'''

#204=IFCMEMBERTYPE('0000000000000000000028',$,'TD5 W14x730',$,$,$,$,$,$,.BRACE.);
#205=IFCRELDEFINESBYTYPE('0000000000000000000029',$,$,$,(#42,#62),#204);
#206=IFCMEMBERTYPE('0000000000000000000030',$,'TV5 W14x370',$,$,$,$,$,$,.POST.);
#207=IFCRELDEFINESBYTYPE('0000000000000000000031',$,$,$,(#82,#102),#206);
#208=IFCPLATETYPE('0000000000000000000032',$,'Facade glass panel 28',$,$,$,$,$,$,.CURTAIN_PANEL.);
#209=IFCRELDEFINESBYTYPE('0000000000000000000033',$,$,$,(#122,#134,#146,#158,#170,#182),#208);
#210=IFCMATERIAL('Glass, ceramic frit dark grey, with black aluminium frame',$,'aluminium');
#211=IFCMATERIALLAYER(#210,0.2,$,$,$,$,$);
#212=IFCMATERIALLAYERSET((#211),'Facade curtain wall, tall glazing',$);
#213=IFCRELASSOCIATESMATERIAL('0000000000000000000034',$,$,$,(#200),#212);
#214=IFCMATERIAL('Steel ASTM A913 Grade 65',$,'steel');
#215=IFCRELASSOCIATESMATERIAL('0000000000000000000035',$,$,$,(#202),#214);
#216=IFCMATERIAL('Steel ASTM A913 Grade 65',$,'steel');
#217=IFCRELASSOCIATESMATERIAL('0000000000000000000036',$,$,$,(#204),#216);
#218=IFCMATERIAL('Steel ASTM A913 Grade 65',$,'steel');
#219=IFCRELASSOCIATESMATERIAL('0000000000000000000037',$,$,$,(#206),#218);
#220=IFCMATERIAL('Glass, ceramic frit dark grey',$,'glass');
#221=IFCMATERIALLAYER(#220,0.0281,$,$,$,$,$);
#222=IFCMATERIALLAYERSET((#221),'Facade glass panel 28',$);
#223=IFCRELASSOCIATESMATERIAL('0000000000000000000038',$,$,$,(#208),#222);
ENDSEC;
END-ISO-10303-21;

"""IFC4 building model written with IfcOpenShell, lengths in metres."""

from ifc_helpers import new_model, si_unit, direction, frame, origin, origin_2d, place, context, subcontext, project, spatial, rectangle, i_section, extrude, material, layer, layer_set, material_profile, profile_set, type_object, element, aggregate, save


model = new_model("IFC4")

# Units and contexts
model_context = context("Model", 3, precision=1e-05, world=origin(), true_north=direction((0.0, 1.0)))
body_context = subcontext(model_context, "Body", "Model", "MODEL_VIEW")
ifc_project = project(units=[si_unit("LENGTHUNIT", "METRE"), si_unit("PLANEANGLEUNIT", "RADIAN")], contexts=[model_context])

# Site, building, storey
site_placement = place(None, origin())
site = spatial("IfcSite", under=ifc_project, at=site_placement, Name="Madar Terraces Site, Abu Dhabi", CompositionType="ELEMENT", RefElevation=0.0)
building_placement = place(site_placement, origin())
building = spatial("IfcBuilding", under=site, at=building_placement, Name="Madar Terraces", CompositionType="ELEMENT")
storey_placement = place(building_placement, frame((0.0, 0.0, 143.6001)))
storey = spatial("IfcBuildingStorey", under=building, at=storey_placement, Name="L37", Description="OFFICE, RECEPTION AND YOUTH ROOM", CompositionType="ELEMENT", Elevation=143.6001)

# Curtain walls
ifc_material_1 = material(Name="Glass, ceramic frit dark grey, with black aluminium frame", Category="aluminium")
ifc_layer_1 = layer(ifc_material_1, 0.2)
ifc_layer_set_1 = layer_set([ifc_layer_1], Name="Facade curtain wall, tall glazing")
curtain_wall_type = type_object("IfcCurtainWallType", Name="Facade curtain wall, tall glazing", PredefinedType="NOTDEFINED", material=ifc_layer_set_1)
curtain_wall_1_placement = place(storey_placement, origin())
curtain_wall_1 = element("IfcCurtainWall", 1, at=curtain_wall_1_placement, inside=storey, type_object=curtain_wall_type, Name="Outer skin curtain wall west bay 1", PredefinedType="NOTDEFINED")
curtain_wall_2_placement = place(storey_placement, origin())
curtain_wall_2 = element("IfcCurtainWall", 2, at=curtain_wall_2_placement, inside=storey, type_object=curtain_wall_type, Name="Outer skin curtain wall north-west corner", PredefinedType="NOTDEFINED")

'''

* [TASK DIRECTIONS] Write down every line of the data above that includes the string "frit".

* [ANSWER TO THIS TASK]
#210=IFCMATERIAL('Glass, ceramic frit dark grey, with black aluminium frame',$,'aluminium');
#220=IFCMATERIAL('Glass, ceramic frit dark grey',$,'glass');
ifc_material_1 = material(Name="Glass, ceramic frit dark grey, with black aluminium frame", Category="aluminium")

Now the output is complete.